WORK REQUIRED
Give the whole listing again, exactly as written.

Top of EXERCISE INPUT

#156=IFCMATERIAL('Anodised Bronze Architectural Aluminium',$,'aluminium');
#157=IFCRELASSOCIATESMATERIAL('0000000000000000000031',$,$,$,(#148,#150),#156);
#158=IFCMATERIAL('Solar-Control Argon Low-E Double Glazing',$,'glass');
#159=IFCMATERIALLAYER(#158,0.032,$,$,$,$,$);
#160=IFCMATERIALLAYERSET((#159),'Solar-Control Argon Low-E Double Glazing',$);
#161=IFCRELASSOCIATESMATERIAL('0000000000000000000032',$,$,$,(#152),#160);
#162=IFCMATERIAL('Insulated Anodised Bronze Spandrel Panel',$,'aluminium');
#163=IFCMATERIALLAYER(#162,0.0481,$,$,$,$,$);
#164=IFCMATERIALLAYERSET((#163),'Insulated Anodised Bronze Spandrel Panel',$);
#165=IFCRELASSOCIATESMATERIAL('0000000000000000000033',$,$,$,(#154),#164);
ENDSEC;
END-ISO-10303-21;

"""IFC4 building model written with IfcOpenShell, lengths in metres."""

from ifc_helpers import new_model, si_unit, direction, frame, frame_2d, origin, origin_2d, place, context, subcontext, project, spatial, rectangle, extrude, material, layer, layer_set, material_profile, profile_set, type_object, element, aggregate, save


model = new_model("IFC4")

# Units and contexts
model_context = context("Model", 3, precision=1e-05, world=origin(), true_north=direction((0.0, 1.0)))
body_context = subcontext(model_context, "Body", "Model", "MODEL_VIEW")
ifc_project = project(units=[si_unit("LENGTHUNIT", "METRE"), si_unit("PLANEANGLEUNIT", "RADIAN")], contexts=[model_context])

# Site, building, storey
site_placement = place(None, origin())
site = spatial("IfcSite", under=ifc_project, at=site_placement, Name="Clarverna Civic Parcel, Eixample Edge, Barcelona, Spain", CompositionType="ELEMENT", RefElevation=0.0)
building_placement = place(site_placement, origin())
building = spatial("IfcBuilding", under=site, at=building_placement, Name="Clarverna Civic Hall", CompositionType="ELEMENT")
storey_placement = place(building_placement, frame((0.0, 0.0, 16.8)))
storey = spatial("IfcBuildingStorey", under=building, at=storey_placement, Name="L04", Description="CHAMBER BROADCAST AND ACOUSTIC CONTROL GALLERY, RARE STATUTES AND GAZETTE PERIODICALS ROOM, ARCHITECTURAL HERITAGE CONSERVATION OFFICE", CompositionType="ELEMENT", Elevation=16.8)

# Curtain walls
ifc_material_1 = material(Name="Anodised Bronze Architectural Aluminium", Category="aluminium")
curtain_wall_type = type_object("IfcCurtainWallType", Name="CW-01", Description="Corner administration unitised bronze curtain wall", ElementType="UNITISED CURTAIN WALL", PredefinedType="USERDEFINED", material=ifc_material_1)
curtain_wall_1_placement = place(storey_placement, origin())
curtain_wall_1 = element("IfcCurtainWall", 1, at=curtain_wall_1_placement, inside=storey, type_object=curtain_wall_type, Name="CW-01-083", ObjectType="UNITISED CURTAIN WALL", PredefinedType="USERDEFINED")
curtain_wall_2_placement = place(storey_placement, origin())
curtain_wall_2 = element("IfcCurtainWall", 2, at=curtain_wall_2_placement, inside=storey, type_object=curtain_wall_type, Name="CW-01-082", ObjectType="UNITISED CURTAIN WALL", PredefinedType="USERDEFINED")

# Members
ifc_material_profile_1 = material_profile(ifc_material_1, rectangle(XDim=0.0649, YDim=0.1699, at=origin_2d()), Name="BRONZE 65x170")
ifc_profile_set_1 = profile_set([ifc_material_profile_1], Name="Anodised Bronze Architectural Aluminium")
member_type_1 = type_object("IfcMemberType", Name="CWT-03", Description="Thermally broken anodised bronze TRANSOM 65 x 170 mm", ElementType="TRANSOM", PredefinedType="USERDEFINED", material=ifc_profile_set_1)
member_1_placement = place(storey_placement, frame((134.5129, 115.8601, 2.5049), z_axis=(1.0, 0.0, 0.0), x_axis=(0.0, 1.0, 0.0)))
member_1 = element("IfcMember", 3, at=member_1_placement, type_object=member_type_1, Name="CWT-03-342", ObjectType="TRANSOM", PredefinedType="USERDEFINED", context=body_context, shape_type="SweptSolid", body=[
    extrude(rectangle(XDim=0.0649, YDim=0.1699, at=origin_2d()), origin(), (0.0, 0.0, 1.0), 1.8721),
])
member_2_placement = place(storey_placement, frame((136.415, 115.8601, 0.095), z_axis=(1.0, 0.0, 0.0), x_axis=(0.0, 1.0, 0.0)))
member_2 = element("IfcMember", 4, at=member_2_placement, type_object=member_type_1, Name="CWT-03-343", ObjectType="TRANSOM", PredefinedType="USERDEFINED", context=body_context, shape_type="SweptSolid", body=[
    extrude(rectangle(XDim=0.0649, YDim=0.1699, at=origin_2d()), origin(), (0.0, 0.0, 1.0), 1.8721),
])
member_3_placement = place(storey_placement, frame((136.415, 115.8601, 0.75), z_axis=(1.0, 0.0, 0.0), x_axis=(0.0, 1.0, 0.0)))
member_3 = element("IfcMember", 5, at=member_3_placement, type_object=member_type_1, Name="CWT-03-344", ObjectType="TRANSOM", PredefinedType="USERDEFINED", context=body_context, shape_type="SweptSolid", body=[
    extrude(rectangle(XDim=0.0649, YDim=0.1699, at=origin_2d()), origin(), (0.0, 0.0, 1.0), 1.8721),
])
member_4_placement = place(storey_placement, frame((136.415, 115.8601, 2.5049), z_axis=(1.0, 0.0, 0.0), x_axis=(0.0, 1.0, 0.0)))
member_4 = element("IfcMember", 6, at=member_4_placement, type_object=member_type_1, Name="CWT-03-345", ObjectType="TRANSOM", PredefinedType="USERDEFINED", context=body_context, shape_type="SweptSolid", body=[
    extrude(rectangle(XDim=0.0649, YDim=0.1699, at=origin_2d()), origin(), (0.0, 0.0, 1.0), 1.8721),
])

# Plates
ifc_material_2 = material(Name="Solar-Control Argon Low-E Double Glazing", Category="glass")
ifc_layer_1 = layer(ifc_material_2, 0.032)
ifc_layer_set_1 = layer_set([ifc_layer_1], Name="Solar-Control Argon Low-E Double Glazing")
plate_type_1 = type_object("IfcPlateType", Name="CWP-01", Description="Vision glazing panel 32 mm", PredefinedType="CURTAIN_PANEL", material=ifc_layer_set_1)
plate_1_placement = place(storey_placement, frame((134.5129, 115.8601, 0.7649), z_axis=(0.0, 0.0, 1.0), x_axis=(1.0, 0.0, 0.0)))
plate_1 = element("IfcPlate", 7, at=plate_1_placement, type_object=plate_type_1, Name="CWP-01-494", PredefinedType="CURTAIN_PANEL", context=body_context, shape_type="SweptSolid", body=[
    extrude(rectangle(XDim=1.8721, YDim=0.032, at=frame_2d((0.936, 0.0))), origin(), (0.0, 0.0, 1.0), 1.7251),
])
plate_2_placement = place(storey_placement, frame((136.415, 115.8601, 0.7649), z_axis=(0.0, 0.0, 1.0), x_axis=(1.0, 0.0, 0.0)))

Bottom of EXERCISE INPUT

ANSWER TO THIS EXERCISE
#156=IFCMATERIAL('Anodised Bronze Architectural Aluminium',$,'aluminium');
#157=IFCRELASSOCIATESMATERIAL('0000000000000000000031',$,$,$,(#148,#150),#156);
#158=IFCMATERIAL('Solar-Control Argon Low-E Double Glazing',$,'glass');
#159=IFCMATERIALLAYER(#158,0.032,$,$,$,$,$);
#160=IFCMATERIALLAYERSET((#159),'Solar-Control Argon Low-E Double Glazing',$);
#161=IFCRELASSOCIATESMATERIAL('0000000000000000000032',$,$,$,(#152),#160);
#162=IFCMATERIAL('Insulated Anodised Bronze Spandrel Panel',$,'aluminium');
#163=IFCMATERIALLAYER(#162,0.0481,$,$,$,$,$);
#164=IFCMATERIALLAYERSET((#163),'Insulated Anodised Bronze Spandrel Panel',$);
#165=IFCRELASSOCIATESMATERIAL('0000000000000000000033',$,$,$,(#154),#164);
ENDSEC;
END-ISO-10303-21;

"""IFC4 building model written with IfcOpenShell, lengths in metres."""

from ifc_helpers import new_model, si_unit, direction, frame, frame_2d, origin, origin_2d, place, context, subcontext, project, spatial, rectangle, extrude, material, layer, layer_set, material_profile, profile_set, type_object, element, aggregate, save


model = new_model("IFC4")

# Units and contexts
model_context = context("Model", 3, precision=1e-05, world=origin(), true_north=direction((0.0, 1.0)))
body_context = subcontext(model_context, "Body", "Model", "MODEL_VIEW")
ifc_project = project(units=[si_unit("LENGTHUNIT", "METRE"), si_unit("PLANEANGLEUNIT", "RADIAN")], contexts=[model_context])

# Site, building, storey
site_placement = place(None, origin())
site = spatial("IfcSite", under=ifc_project, at=site_placement, Name="Clarverna Civic Parcel, Eixample Edge, Barcelona, Spain", CompositionType="ELEMENT", RefElevation=0.0)
building_placement = place(site_placement, origin())
building = spatial("IfcBuilding", under=site, at=building_placement, Name="Clarverna Civic Hall", CompositionType="ELEMENT")
storey_placement = place(building_placement, frame((0.0, 0.0, 16.8)))
storey = spatial("IfcBuildingStorey", under=building, at=storey_placement, Name="L04", Description="CHAMBER BROADCAST AND ACOUSTIC CONTROL GALLERY, RARE STATUTES AND GAZETTE PERIODICALS ROOM, ARCHITECTURAL HERITAGE CONSERVATION OFFICE", CompositionType="ELEMENT", Elevation=16.8)

# Curtain walls
ifc_material_1 = material(Name="Anodised Bronze Architectural Aluminium", Category="aluminium")
curtain_wall_type = type_object("IfcCurtainWallType", Name="CW-01", Description="Corner administration unitised bronze curtain wall", ElementType="UNITISED CURTAIN WALL", PredefinedType="USERDEFINED", material=ifc_material_1)
curtain_wall_1_placement = place(storey_placement, origin())
curtain_wall_1 = element("IfcCurtainWall", 1, at=curtain_wall_1_placement, inside=storey, type_object=curtain_wall_type, Name="CW-01-083", ObjectType="UNITISED CURTAIN WALL", PredefinedType="USERDEFINED")
curtain_wall_2_placement = place(storey_placement, origin())
curtain_wall_2 = element("IfcCurtainWall", 2, at=curtain_wall_2_placement, inside=storey, type_object=curtain_wall_type, Name="CW-01-082", ObjectType="UNITISED CURTAIN WALL", PredefinedType="USERDEFINED")

# Members
ifc_material_profile_1 = material_profile(ifc_material_1, rectangle(XDim=0.0649, YDim=0.1699, at=origin_2d()), Name="BRONZE 65x170")
ifc_profile_set_1 = profile_set([ifc_material_profile_1], Name="Anodised Bronze Architectural Aluminium")
member_type_1 = type_object("IfcMemberType", Name="CWT-03", Description="Thermally broken anodised bronze TRANSOM 65 x 170 mm", ElementType="TRANSOM", PredefinedType="USERDEFINED", material=ifc_profile_set_1)
member_1_placement = place(storey_placement, frame((134.5129, 115.8601, 2.5049), z_axis=(1.0, 0.0, 0.0), x_axis=(0.0, 1.0, 0.0)))
member_1 = element("IfcMember", 3, at=member_1_placement, type_object=member_type_1, Name="CWT-03-342", ObjectType="TRANSOM", PredefinedType="USERDEFINED", context=body_context, shape_type="SweptSolid", body=[
    extrude(rectangle(XDim=0.0649, YDim=0.1699, at=origin_2d()), origin(), (0.0, 0.0, 1.0), 1.8721),
])
member_2_placement = place(storey_placement, frame((136.415, 115.8601, 0.095), z_axis=(1.0, 0.0, 0.0), x_axis=(0.0, 1.0, 0.0)))
member_2 = element("IfcMember", 4, at=member_2_placement, type_object=member_type_1, Name="CWT-03-343", ObjectType="TRANSOM", PredefinedType="USERDEFINED", context=body_context, shape_type="SweptSolid", body=[
    extrude(rectangle(XDim=0.0649, YDim=0.1699, at=origin_2d()), origin(), (0.0, 0.0, 1.0), 1.8721),
])
member_3_placement = place(storey_placement, frame((136.415, 115.8601, 0.75), z_axis=(1.0, 0.0, 0.0), x_axis=(0.0, 1.0, 0.0)))
member_3 = element("IfcMember", 5, at=member_3_placement, type_object=member_type_1, Name="CWT-03-344", ObjectType="TRANSOM", PredefinedType="USERDEFINED", context=body_context, shape_type="SweptSolid", body=[
    extrude(rectangle(XDim=0.0649, YDim=0.1699, at=origin_2d()), origin(), (0.0, 0.0, 1.0), 1.8721),
])
member_4_placement = place(storey_placement, frame((136.415, 115.8601, 2.5049), z_axis=(1.0, 0.0, 0.0), x_axis=(0.0, 1.0, 0.0)))
member_4 = element("IfcMember", 6, at=member_4_placement, type_object=member_type_1, Name="CWT-03-345", ObjectType="TRANSOM", PredefinedType="USERDEFINED", context=body_context, shape_type="SweptSolid", body=[
    extrude(rectangle(XDim=0.0649, YDim=0.1699, at=origin_2d()), origin(), (0.0, 0.0, 1.0), 1.8721),
])

# Plates
ifc_material_2 = material(Name="Solar-Control Argon Low-E Double Glazing", Category="glass")
ifc_layer_1 = layer(ifc_material_2, 0.032)
ifc_layer_set_1 = layer_set([ifc_layer_1], Name="Solar-Control Argon Low-E Double Glazing")
plate_type_1 = type_object("IfcPlateType", Name="CWP-01", Description="Vision glazing panel 32 mm", PredefinedType="CURTAIN_PANEL", material=ifc_layer_set_1)
plate_1_placement = place(storey_placement, frame((134.5129, 115.8601, 0.7649), z_axis=(0.0, 0.0, 1.0), x_axis=(1.0, 0.0, 0.0)))
plate_1 = element("IfcPlate", 7, at=plate_1_placement, type_object=plate_type_1, Name="CWP-01-494", PredefinedType="CURTAIN_PANEL", context=body_context, shape_type="SweptSolid", body=[
    extrude(rectangle(XDim=1.8721, YDim=0.032, at=frame_2d((0.936, 0.0))), origin(), (0.0, 0.0, 1.0), 1.7251),
])
plate_2_placement = place(storey_placement, frame((136.415, 115.8601, 0.7649), z_axis=(0.0, 0.0, 1.0), x_axis=(1.0, 0.0, 0.0)))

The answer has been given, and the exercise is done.